(Records excerpted from a collection)
::::::::
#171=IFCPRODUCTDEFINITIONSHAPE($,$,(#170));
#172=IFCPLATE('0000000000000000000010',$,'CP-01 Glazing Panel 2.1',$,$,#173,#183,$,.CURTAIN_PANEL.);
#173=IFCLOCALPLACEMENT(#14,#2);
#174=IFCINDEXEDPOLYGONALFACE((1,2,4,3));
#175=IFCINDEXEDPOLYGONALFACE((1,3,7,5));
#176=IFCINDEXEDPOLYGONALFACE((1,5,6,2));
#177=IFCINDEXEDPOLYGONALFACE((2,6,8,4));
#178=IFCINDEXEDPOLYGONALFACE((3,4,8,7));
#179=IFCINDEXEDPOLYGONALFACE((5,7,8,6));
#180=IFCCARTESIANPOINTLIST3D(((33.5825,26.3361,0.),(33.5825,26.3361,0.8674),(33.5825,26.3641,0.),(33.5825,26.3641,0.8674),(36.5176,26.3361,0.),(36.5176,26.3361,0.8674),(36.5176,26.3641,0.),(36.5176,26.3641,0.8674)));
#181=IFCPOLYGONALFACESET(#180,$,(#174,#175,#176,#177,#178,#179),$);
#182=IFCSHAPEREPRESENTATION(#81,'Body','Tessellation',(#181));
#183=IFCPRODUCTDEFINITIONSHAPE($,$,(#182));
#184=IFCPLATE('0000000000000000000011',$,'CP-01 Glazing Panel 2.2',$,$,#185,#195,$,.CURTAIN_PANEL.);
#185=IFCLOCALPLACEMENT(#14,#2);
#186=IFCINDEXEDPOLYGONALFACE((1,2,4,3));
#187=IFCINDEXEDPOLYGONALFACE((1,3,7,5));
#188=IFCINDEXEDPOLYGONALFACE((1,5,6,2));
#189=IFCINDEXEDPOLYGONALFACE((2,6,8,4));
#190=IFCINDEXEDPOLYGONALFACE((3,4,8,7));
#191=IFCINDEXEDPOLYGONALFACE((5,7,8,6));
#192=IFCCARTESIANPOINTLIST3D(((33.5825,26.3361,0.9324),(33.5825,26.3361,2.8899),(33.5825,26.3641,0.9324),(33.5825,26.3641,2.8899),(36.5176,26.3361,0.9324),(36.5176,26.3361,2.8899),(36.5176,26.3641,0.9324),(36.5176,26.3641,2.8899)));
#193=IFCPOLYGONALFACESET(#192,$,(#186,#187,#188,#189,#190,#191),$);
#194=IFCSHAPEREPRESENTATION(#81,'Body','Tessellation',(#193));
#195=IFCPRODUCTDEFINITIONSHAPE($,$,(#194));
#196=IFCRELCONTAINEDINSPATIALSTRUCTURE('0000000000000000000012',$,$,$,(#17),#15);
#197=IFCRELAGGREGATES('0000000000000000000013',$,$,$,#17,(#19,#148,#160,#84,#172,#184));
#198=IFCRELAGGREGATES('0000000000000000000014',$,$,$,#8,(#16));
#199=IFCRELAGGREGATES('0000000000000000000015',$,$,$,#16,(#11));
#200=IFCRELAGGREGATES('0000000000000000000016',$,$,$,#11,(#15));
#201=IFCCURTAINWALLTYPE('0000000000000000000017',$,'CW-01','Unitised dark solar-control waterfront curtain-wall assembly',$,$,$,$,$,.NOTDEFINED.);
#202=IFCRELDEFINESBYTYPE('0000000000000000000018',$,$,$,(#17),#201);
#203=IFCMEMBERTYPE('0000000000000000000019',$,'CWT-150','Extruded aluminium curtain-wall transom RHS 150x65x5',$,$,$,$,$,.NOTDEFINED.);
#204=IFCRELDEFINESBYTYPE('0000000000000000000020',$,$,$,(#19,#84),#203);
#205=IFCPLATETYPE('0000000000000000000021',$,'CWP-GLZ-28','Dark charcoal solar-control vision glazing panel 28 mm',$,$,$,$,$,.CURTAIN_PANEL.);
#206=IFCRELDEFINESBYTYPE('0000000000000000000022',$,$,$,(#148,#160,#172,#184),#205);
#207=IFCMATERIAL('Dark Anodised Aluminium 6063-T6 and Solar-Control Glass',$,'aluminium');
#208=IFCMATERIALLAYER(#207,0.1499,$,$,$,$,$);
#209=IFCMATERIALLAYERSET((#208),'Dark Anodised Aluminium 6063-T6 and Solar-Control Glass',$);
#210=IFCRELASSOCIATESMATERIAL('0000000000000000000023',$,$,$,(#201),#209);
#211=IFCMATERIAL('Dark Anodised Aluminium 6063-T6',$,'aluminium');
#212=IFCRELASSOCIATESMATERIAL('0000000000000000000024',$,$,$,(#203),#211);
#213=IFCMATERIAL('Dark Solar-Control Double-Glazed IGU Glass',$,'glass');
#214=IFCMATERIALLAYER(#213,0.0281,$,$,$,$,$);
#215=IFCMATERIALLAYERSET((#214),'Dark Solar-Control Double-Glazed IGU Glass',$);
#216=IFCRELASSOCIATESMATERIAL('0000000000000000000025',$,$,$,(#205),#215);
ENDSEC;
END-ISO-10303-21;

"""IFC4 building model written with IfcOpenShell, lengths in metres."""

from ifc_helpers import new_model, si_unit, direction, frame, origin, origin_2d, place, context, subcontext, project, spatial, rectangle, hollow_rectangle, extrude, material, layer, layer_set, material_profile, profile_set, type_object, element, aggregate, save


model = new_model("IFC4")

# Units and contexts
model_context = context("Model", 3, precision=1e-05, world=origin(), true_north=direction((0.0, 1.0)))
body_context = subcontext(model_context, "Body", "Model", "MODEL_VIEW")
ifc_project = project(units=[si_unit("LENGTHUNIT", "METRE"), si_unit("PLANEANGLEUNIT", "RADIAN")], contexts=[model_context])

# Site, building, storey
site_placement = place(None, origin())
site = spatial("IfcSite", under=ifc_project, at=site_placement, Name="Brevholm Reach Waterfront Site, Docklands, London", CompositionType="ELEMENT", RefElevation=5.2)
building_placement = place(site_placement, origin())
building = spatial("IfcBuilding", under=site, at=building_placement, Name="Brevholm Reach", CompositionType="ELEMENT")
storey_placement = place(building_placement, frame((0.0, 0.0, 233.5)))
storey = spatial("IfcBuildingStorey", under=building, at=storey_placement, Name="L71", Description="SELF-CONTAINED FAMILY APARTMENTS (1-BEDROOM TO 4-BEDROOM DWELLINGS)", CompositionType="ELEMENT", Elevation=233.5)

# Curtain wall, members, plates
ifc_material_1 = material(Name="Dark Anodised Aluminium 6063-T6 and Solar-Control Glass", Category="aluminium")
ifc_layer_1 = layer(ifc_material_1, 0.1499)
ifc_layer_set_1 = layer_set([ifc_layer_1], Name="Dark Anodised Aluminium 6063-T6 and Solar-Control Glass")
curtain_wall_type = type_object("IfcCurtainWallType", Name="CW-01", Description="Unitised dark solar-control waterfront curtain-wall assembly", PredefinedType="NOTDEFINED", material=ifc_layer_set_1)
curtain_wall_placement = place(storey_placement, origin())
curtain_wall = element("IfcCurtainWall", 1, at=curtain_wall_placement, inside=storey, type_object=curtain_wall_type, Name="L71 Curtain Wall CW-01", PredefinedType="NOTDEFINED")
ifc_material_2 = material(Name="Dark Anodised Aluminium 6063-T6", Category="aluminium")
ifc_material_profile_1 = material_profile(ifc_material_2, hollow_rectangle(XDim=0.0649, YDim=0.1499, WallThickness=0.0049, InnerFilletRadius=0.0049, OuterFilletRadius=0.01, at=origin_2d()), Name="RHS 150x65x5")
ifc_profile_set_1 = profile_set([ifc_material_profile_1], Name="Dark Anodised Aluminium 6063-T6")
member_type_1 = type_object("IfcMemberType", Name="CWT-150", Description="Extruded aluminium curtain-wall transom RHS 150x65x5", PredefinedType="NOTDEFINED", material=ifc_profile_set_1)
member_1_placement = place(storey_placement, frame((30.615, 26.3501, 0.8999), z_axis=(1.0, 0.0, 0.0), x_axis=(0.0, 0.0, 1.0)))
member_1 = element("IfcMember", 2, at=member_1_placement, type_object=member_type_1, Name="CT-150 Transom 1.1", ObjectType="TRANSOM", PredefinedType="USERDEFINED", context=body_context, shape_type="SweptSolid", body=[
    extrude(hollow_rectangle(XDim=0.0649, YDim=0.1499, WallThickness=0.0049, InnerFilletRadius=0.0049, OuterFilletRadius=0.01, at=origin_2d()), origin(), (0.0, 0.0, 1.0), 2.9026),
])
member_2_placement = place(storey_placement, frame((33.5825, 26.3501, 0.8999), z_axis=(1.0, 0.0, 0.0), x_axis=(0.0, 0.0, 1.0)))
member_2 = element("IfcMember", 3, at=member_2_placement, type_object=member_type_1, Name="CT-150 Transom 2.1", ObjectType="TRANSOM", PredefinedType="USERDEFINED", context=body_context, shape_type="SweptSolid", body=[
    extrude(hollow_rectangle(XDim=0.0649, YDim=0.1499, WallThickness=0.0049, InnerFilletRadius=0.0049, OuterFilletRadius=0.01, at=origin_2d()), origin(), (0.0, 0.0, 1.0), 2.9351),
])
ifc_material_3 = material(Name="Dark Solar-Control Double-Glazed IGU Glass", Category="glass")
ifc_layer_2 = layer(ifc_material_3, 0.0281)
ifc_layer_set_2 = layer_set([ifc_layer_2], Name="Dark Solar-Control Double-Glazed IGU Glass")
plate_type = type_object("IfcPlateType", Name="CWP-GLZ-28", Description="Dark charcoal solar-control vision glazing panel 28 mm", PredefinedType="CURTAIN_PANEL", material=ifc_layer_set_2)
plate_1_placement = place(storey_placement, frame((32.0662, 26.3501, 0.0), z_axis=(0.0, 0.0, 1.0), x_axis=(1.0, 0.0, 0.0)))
::::::::
__WHAT THIS TASK INVOLVES__
What is the number of lines above that contain "IFCMATERIALLAYERSET"? Answer with that number only.

__WRITTEN RESPONSE__
2